Could you show all lines in the entries below that contain the string "IFCRELAGGREGATES"?

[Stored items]
..............................

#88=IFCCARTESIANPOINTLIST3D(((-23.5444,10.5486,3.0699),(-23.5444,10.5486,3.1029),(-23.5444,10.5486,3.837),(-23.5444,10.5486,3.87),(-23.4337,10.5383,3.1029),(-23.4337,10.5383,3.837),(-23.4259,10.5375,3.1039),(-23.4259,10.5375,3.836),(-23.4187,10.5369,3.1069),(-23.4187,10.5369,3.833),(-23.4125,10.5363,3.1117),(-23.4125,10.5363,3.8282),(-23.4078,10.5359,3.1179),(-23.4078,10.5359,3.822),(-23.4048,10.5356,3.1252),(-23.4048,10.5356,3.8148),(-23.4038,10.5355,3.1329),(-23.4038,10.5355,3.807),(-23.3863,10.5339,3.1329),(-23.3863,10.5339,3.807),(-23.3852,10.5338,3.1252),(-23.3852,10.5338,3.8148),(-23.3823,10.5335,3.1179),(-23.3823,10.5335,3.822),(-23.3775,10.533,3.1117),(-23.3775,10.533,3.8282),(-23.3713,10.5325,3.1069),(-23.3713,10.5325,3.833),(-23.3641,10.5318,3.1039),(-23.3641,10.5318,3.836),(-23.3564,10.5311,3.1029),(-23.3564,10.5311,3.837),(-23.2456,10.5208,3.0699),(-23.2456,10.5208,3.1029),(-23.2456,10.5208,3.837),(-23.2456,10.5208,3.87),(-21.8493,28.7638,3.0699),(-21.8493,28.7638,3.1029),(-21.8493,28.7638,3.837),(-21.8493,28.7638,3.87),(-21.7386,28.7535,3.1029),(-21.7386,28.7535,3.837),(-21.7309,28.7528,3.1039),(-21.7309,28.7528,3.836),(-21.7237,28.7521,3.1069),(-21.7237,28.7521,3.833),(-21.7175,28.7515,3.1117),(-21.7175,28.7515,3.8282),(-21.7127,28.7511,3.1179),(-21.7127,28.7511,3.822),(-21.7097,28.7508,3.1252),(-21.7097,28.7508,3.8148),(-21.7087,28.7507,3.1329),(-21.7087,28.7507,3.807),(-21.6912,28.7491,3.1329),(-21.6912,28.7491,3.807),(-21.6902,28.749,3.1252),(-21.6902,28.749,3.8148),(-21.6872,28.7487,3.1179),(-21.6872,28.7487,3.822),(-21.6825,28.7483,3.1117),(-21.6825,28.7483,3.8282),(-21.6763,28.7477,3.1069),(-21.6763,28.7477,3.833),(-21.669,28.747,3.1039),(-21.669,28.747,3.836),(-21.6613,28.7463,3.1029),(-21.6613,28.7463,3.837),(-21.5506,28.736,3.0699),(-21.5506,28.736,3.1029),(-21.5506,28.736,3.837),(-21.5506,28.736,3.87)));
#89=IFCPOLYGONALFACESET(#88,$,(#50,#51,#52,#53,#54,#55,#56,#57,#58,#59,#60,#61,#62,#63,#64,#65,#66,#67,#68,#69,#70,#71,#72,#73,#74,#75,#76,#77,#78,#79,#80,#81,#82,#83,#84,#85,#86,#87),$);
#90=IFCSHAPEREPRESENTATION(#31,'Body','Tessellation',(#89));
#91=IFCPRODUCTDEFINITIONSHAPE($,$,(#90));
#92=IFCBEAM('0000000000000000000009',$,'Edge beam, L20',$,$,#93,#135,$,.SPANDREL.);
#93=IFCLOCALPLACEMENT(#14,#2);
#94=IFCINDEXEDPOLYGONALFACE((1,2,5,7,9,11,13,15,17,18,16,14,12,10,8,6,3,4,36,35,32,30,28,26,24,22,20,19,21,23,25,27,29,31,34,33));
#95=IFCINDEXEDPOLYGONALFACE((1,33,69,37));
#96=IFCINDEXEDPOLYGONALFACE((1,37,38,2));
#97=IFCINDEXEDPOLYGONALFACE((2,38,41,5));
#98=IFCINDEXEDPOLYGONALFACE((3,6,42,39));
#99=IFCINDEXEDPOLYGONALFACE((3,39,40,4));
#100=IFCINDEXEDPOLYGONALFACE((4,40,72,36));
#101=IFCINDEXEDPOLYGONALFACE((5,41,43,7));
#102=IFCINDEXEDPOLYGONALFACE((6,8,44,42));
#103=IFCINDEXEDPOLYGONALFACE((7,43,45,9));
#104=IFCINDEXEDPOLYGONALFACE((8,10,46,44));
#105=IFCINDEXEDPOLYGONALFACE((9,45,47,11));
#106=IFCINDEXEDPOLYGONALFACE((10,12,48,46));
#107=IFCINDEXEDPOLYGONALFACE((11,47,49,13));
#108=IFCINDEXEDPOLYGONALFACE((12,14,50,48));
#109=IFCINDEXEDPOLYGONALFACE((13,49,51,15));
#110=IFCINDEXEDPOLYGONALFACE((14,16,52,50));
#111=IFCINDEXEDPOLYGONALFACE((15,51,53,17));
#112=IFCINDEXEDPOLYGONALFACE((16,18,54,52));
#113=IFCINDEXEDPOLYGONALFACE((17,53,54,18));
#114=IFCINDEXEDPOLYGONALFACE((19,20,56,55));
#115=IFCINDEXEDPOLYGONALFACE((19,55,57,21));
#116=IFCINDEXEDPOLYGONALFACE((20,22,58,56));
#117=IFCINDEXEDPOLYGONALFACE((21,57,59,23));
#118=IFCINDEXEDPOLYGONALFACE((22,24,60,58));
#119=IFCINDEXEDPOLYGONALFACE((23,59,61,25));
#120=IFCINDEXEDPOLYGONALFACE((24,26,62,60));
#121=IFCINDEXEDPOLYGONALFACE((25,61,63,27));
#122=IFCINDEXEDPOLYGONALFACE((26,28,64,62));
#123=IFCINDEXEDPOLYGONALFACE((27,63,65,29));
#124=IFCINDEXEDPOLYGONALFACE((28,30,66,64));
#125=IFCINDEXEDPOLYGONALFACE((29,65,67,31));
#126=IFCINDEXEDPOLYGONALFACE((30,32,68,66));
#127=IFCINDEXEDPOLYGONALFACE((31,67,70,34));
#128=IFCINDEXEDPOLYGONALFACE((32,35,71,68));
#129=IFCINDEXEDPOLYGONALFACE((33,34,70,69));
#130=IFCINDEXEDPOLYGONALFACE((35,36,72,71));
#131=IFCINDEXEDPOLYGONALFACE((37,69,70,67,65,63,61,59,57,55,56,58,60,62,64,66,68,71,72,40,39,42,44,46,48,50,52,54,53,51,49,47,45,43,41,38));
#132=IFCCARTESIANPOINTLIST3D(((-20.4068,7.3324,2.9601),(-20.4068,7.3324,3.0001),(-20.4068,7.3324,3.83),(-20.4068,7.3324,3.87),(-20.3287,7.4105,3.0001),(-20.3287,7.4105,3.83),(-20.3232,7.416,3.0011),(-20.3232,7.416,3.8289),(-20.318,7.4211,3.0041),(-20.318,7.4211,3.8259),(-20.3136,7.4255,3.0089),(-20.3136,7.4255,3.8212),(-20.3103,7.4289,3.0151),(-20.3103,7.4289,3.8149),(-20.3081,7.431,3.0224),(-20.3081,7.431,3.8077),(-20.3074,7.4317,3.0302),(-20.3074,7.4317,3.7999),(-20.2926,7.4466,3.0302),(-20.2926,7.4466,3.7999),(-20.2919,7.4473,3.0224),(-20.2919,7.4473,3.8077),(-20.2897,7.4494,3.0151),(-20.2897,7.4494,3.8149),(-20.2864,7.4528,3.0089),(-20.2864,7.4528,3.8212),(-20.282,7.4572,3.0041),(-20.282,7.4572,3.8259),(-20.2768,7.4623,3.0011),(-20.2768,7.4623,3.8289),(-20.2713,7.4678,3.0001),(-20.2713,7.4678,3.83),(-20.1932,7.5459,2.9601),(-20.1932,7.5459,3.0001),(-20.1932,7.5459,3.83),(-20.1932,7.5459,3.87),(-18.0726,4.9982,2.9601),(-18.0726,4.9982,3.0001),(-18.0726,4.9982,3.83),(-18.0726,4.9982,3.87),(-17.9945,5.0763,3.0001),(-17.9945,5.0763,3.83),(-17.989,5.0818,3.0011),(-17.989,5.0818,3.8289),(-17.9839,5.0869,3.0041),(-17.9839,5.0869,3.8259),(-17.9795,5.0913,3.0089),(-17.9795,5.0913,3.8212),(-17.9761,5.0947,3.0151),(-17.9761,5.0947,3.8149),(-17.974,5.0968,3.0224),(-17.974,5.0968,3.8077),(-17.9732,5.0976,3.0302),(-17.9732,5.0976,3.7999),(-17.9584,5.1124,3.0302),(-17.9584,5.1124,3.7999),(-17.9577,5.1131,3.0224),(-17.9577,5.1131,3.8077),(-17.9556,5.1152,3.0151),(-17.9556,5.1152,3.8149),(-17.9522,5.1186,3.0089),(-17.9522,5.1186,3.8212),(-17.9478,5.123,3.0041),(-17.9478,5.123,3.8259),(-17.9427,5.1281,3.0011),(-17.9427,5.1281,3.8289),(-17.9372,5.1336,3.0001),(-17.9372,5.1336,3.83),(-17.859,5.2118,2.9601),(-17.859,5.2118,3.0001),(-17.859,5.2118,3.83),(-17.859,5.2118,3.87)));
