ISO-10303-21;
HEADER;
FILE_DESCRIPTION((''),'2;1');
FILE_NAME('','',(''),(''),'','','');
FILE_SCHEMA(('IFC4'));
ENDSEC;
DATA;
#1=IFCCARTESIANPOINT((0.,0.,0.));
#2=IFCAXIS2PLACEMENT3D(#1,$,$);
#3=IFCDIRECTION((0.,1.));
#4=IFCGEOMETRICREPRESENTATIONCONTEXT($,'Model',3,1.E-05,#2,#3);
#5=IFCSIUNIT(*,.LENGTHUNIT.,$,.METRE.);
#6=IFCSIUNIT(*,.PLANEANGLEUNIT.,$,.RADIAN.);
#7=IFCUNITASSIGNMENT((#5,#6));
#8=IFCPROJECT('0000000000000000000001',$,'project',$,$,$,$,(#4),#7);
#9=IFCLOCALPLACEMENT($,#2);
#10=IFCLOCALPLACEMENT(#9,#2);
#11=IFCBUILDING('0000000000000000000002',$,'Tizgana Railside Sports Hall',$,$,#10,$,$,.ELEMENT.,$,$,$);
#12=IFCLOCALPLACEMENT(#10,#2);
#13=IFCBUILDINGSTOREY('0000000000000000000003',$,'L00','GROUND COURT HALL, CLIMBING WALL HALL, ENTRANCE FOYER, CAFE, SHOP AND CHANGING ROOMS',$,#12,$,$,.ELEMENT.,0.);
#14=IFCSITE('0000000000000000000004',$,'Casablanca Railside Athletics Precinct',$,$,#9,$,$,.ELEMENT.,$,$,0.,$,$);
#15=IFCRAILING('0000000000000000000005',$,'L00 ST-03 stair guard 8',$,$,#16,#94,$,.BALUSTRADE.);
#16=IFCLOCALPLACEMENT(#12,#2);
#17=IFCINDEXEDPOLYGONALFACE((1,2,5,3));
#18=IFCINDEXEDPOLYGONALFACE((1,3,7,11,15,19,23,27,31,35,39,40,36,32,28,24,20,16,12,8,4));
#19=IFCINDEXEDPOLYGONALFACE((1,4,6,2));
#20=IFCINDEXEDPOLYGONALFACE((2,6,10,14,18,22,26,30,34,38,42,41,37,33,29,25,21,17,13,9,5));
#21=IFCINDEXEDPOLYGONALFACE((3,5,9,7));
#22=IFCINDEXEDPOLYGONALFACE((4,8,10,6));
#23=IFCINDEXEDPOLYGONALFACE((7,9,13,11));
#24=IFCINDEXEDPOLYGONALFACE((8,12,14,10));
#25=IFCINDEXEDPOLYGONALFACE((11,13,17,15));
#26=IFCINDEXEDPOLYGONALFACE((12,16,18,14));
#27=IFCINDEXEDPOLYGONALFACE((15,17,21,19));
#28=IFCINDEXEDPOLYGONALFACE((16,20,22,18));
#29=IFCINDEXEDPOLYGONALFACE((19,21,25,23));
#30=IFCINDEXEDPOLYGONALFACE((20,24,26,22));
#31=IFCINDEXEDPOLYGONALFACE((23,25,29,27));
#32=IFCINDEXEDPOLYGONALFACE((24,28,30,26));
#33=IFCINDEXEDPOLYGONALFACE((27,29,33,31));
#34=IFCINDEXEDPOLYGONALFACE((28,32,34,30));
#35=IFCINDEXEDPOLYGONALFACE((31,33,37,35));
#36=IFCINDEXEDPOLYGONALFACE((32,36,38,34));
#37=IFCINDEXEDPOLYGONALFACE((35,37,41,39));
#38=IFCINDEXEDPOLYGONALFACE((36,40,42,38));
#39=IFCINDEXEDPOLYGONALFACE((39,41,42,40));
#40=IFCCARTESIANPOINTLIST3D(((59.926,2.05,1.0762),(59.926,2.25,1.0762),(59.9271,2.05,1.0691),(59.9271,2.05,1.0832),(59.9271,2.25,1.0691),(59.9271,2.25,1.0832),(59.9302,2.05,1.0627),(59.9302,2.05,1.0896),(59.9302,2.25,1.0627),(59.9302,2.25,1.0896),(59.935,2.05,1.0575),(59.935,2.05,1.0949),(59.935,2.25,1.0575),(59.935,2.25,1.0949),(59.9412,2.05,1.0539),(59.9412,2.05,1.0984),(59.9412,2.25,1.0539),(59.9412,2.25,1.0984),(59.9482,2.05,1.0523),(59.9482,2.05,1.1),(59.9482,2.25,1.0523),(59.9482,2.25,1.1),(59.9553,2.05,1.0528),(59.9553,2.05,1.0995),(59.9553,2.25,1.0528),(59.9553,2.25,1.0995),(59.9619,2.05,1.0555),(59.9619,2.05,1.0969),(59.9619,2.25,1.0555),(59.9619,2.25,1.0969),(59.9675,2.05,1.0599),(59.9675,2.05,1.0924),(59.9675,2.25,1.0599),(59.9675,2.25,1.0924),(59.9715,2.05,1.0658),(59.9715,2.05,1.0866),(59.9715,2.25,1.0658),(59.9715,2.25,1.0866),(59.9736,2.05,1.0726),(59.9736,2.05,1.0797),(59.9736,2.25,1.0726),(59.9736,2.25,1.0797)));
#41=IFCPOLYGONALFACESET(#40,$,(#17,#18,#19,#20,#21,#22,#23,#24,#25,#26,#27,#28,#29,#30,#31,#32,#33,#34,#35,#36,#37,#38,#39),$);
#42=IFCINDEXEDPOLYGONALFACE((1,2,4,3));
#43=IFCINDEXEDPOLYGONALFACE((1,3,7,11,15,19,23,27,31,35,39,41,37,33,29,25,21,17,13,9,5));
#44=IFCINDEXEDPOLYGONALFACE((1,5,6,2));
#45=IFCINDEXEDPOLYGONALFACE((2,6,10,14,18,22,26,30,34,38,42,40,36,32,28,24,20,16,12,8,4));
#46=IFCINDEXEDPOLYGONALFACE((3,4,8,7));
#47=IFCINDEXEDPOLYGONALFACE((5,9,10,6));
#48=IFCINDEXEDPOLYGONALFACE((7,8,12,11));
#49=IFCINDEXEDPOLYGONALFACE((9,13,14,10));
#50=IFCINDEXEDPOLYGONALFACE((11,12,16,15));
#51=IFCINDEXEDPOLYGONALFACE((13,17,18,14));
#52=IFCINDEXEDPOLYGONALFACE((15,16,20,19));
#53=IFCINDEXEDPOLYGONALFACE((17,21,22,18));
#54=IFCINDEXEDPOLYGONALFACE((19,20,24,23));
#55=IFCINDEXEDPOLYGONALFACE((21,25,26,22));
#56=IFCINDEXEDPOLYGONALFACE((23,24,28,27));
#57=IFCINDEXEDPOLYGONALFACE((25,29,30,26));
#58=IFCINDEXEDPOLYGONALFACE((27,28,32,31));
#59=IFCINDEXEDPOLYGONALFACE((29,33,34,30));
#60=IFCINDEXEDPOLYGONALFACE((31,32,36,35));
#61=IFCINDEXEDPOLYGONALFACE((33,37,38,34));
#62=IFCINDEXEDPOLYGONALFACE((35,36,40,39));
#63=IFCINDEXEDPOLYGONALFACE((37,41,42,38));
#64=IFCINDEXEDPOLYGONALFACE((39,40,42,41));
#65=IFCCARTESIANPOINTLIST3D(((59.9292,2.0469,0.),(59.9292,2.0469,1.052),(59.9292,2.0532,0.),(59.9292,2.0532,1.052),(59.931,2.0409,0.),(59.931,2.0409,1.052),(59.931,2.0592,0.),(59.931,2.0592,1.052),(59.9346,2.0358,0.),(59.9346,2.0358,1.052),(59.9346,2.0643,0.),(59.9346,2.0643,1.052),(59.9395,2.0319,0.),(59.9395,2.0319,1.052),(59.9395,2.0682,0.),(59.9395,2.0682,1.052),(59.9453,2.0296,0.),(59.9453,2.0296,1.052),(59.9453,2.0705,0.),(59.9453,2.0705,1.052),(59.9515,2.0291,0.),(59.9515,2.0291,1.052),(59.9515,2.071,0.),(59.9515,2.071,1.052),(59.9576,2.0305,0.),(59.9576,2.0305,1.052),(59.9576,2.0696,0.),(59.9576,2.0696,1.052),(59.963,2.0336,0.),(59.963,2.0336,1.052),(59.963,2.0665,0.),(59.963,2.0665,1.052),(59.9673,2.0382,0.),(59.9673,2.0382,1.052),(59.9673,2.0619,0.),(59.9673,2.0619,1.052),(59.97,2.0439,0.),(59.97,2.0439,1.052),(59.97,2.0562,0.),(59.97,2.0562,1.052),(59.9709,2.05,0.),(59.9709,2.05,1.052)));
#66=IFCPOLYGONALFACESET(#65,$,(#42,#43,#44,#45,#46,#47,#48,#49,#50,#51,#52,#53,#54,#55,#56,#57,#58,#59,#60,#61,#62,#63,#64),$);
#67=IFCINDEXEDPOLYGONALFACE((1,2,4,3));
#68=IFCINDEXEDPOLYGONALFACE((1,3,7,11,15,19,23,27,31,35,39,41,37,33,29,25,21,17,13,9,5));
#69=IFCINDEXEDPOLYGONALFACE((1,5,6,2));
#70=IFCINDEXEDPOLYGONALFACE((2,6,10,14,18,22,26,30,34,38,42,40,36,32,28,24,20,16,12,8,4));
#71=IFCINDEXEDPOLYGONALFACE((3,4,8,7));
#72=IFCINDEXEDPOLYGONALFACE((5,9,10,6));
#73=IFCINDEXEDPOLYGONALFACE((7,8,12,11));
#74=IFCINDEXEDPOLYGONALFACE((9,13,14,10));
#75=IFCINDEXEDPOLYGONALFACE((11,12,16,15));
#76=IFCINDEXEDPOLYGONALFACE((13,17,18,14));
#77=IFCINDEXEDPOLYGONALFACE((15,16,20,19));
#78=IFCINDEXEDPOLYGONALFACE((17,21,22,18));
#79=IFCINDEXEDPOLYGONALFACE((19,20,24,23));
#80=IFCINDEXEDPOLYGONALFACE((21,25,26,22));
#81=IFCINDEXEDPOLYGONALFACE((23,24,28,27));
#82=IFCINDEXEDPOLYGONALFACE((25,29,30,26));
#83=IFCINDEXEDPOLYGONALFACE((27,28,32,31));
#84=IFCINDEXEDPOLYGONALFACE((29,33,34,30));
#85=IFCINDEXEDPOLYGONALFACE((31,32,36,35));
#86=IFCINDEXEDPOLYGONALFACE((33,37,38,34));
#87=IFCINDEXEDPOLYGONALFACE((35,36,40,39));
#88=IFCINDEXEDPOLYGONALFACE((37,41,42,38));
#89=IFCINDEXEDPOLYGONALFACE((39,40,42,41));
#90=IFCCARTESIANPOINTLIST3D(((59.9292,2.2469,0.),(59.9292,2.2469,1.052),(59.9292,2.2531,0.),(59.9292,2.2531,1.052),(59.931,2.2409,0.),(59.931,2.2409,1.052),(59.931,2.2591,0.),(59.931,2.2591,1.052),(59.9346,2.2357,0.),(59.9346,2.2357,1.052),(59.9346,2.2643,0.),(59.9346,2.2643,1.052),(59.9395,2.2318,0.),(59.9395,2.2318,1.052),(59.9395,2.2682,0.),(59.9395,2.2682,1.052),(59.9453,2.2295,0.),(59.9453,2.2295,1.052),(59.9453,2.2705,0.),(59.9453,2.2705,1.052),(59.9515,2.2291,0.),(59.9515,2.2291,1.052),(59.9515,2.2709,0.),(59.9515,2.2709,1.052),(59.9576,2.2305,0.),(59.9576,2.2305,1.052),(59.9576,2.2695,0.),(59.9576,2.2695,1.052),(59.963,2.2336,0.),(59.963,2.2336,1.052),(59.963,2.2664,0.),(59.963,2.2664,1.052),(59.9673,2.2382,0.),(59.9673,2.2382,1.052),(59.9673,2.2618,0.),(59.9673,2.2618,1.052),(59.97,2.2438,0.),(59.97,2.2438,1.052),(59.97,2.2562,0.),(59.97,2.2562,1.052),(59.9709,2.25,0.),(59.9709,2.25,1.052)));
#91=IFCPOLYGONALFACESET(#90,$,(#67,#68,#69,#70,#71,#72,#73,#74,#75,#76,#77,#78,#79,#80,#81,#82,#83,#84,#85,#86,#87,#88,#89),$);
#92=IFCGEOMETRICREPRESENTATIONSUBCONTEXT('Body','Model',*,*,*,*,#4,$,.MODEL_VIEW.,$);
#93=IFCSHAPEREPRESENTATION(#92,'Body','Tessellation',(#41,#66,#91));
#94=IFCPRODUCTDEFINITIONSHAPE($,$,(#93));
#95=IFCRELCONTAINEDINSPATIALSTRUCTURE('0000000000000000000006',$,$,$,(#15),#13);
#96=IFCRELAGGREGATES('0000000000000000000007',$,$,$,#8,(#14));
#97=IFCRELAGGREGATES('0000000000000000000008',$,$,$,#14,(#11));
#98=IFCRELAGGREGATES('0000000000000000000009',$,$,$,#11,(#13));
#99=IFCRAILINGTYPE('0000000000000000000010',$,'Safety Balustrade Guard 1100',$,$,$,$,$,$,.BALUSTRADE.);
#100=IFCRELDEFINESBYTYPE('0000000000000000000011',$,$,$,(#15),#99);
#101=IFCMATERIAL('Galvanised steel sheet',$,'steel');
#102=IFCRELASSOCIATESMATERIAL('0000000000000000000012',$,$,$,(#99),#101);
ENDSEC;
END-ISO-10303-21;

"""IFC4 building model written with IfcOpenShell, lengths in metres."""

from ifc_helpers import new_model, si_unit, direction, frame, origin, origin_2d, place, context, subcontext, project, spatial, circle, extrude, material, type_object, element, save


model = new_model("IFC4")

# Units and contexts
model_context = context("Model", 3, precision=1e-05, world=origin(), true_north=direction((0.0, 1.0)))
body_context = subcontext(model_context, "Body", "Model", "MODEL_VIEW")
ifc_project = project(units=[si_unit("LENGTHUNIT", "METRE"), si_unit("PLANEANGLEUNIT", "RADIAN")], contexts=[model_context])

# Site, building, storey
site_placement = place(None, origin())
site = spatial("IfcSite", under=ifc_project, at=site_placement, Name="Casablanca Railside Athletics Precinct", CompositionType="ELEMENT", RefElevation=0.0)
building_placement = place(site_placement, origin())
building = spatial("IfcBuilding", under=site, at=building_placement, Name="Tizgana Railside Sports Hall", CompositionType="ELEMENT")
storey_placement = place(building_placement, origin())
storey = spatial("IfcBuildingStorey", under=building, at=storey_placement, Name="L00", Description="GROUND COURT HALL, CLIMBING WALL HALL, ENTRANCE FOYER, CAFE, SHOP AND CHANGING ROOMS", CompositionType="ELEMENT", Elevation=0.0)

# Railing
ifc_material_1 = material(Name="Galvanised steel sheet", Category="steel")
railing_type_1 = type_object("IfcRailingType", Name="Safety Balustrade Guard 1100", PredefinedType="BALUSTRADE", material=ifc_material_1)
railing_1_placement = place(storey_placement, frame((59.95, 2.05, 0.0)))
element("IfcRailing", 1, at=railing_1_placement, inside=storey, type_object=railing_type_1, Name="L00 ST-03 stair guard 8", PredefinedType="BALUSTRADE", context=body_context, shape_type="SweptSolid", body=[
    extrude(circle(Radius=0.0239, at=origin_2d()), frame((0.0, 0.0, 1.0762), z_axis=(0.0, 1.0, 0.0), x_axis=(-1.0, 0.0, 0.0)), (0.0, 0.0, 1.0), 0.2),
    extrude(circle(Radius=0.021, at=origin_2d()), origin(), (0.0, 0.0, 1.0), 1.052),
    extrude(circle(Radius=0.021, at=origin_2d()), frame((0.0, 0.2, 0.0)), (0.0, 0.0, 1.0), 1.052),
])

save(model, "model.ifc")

..............................

Task solution →
#96=IFCRELAGGREGATES('0000000000000000000007',$,$,$,#8,(#14));
#97=IFCRELAGGREGATES('0000000000000000000008',$,$,$,#14,(#11));
#98=IFCRELAGGREGATES('0000000000000000000009',$,$,$,#11,(#13));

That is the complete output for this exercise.